Directions for this task -> Print the records below verbatim.

Stored data
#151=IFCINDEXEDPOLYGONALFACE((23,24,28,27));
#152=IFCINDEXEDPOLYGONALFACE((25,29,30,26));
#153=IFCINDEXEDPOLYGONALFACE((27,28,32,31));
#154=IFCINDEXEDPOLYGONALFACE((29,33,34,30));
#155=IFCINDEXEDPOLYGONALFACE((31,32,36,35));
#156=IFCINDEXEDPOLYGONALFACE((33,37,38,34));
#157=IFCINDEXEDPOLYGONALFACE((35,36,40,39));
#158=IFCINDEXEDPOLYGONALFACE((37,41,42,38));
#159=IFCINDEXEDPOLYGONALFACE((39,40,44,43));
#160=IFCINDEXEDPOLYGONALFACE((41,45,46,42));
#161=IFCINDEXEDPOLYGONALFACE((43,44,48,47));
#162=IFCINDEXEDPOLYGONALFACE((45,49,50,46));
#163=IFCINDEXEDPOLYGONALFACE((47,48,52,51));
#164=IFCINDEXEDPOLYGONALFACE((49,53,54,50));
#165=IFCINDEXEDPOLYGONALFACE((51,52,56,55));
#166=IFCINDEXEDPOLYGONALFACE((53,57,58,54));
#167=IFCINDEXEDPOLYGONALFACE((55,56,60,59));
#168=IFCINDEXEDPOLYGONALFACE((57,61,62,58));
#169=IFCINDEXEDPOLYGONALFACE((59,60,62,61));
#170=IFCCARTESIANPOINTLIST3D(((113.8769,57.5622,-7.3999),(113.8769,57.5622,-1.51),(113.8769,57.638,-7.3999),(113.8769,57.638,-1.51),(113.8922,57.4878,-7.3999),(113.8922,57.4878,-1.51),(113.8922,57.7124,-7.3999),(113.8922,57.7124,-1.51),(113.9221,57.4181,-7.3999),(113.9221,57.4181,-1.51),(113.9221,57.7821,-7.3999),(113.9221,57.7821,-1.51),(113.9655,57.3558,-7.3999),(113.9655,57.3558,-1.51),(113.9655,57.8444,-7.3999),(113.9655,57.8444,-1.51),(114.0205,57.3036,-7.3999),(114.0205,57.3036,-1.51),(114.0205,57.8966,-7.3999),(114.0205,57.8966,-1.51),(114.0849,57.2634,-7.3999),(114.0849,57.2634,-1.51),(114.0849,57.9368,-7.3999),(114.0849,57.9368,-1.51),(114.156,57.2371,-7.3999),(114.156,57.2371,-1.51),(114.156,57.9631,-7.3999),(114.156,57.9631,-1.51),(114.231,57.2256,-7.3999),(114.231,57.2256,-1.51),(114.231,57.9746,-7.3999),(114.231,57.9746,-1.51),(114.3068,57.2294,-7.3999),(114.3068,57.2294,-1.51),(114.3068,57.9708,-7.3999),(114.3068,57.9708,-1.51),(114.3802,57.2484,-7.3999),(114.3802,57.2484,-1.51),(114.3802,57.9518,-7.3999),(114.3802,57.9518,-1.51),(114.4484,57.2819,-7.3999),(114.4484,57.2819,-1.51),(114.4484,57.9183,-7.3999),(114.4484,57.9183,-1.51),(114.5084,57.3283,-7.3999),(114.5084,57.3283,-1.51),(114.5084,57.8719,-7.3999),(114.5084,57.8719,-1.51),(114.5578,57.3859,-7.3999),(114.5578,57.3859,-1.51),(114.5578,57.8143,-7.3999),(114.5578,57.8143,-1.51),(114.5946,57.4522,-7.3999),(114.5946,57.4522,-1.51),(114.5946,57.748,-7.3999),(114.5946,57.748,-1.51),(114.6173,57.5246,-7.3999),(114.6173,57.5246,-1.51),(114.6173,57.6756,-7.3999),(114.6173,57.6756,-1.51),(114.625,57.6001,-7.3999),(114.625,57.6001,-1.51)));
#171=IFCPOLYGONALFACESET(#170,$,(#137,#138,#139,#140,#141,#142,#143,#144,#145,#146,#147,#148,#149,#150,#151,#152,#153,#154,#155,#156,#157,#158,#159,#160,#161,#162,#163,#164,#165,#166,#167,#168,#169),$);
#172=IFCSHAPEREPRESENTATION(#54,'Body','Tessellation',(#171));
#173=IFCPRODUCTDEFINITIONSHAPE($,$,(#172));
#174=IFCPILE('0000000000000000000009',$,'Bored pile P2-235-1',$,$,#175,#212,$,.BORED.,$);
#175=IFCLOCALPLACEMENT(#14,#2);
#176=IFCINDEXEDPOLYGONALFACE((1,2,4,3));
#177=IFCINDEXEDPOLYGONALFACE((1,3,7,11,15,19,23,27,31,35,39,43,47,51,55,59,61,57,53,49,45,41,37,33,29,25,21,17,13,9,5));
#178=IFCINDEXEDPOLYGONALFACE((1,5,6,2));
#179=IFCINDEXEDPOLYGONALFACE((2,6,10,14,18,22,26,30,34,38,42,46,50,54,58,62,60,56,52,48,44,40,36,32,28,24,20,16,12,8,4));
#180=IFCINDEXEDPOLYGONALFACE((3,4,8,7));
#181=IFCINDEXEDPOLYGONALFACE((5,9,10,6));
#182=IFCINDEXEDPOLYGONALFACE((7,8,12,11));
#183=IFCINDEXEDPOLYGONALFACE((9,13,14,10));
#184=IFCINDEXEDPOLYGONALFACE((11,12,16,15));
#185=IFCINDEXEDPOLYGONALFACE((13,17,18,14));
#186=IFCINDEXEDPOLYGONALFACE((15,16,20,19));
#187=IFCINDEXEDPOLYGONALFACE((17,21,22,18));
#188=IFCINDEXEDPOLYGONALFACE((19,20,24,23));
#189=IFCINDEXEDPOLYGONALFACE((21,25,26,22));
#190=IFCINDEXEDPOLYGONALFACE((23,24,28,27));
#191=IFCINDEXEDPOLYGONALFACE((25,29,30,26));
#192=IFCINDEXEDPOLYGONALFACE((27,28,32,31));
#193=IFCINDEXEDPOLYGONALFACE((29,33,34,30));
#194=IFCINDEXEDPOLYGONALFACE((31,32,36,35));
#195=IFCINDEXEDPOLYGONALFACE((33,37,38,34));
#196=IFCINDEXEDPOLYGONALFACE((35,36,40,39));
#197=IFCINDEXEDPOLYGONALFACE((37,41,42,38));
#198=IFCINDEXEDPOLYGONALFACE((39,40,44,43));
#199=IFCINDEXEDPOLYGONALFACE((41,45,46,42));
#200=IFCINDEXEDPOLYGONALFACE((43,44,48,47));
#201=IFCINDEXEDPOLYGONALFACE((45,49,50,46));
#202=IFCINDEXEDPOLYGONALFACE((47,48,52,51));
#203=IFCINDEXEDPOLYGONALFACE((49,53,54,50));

Answer to this exercise ->
#151=IFCINDEXEDPOLYGONALFACE((23,24,28,27));
#152=IFCINDEXEDPOLYGONALFACE((25,29,30,26));
#153=IFCINDEXEDPOLYGONALFACE((27,28,32,31));
#154=IFCINDEXEDPOLYGONALFACE((29,33,34,30));
#155=IFCINDEXEDPOLYGONALFACE((31,32,36,35));
#156=IFCINDEXEDPOLYGONALFACE((33,37,38,34));
#157=IFCINDEXEDPOLYGONALFACE((35,36,40,39));
#158=IFCINDEXEDPOLYGONALFACE((37,41,42,38));
#159=IFCINDEXEDPOLYGONALFACE((39,40,44,43));
#160=IFCINDEXEDPOLYGONALFACE((41,45,46,42));
#161=IFCINDEXEDPOLYGONALFACE((43,44,48,47));
#162=IFCINDEXEDPOLYGONALFACE((45,49,50,46));
#163=IFCINDEXEDPOLYGONALFACE((47,48,52,51));
#164=IFCINDEXEDPOLYGONALFACE((49,53,54,50));
#165=IFCINDEXEDPOLYGONALFACE((51,52,56,55));
#166=IFCINDEXEDPOLYGONALFACE((53,57,58,54));
#167=IFCINDEXEDPOLYGONALFACE((55,56,60,59));
#168=IFCINDEXEDPOLYGONALFACE((57,61,62,58));
#169=IFCINDEXEDPOLYGONALFACE((59,60,62,61));
#170=IFCCARTESIANPOINTLIST3D(((113.8769,57.5622,-7.3999),(113.8769,57.5622,-1.51),(113.8769,57.638,-7.3999),(113.8769,57.638,-1.51),(113.8922,57.4878,-7.3999),(113.8922,57.4878,-1.51),(113.8922,57.7124,-7.3999),(113.8922,57.7124,-1.51),(113.9221,57.4181,-7.3999),(113.9221,57.4181,-1.51),(113.9221,57.7821,-7.3999),(113.9221,57.7821,-1.51),(113.9655,57.3558,-7.3999),(113.9655,57.3558,-1.51),(113.9655,57.8444,-7.3999),(113.9655,57.8444,-1.51),(114.0205,57.3036,-7.3999),(114.0205,57.3036,-1.51),(114.0205,57.8966,-7.3999),(114.0205,57.8966,-1.51),(114.0849,57.2634,-7.3999),(114.0849,57.2634,-1.51),(114.0849,57.9368,-7.3999),(114.0849,57.9368,-1.51),(114.156,57.2371,-7.3999),(114.156,57.2371,-1.51),(114.156,57.9631,-7.3999),(114.156,57.9631,-1.51),(114.231,57.2256,-7.3999),(114.231,57.2256,-1.51),(114.231,57.9746,-7.3999),(114.231,57.9746,-1.51),(114.3068,57.2294,-7.3999),(114.3068,57.2294,-1.51),(114.3068,57.9708,-7.3999),(114.3068,57.9708,-1.51),(114.3802,57.2484,-7.3999),(114.3802,57.2484,-1.51),(114.3802,57.9518,-7.3999),(114.3802,57.9518,-1.51),(114.4484,57.2819,-7.3999),(114.4484,57.2819,-1.51),(114.4484,57.9183,-7.3999),(114.4484,57.9183,-1.51),(114.5084,57.3283,-7.3999),(114.5084,57.3283,-1.51),(114.5084,57.8719,-7.3999),(114.5084,57.8719,-1.51),(114.5578,57.3859,-7.3999),(114.5578,57.3859,-1.51),(114.5578,57.8143,-7.3999),(114.5578,57.8143,-1.51),(114.5946,57.4522,-7.3999),(114.5946,57.4522,-1.51),(114.5946,57.748,-7.3999),(114.5946,57.748,-1.51),(114.6173,57.5246,-7.3999),(114.6173,57.5246,-1.51),(114.6173,57.6756,-7.3999),(114.6173,57.6756,-1.51),(114.625,57.6001,-7.3999),(114.625,57.6001,-1.51)));
#171=IFCPOLYGONALFACESET(#170,$,(#137,#138,#139,#140,#141,#142,#143,#144,#145,#146,#147,#148,#149,#150,#151,#152,#153,#154,#155,#156,#157,#158,#159,#160,#161,#162,#163,#164,#165,#166,#167,#168,#169),$);
#172=IFCSHAPEREPRESENTATION(#54,'Body','Tessellation',(#171));
#173=IFCPRODUCTDEFINITIONSHAPE($,$,(#172));
#174=IFCPILE('0000000000000000000009',$,'Bored pile P2-235-1',$,$,#175,#212,$,.BORED.,$);
#175=IFCLOCALPLACEMENT(#14,#2);
#176=IFCINDEXEDPOLYGONALFACE((1,2,4,3));
#177=IFCINDEXEDPOLYGONALFACE((1,3,7,11,15,19,23,27,31,35,39,43,47,51,55,59,61,57,53,49,45,41,37,33,29,25,21,17,13,9,5));
#178=IFCINDEXEDPOLYGONALFACE((1,5,6,2));
#179=IFCINDEXEDPOLYGONALFACE((2,6,10,14,18,22,26,30,34,38,42,46,50,54,58,62,60,56,52,48,44,40,36,32,28,24,20,16,12,8,4));
#180=IFCINDEXEDPOLYGONALFACE((3,4,8,7));
#181=IFCINDEXEDPOLYGONALFACE((5,9,10,6));
#182=IFCINDEXEDPOLYGONALFACE((7,8,12,11));
#183=IFCINDEXEDPOLYGONALFACE((9,13,14,10));
#184=IFCINDEXEDPOLYGONALFACE((11,12,16,15));
#185=IFCINDEXEDPOLYGONALFACE((13,17,18,14));
#186=IFCINDEXEDPOLYGONALFACE((15,16,20,19));
#187=IFCINDEXEDPOLYGONALFACE((17,21,22,18));
#188=IFCINDEXEDPOLYGONALFACE((19,20,24,23));
#189=IFCINDEXEDPOLYGONALFACE((21,25,26,22));
#190=IFCINDEXEDPOLYGONALFACE((23,24,28,27));
#191=IFCINDEXEDPOLYGONALFACE((25,29,30,26));
#192=IFCINDEXEDPOLYGONALFACE((27,28,32,31));
#193=IFCINDEXEDPOLYGONALFACE((29,33,34,30));
#194=IFCINDEXEDPOLYGONALFACE((31,32,36,35));
#195=IFCINDEXEDPOLYGONALFACE((33,37,38,34));
#196=IFCINDEXEDPOLYGONALFACE((35,36,40,39));
#197=IFCINDEXEDPOLYGONALFACE((37,41,42,38));
#198=IFCINDEXEDPOLYGONALFACE((39,40,44,43));
#199=IFCINDEXEDPOLYGONALFACE((41,45,46,42));
#200=IFCINDEXEDPOLYGONALFACE((43,44,48,47));
#201=IFCINDEXEDPOLYGONALFACE((45,49,50,46));
#202=IFCINDEXEDPOLYGONALFACE((47,48,52,51));
#203=IFCINDEXEDPOLYGONALFACE((49,53,54,50));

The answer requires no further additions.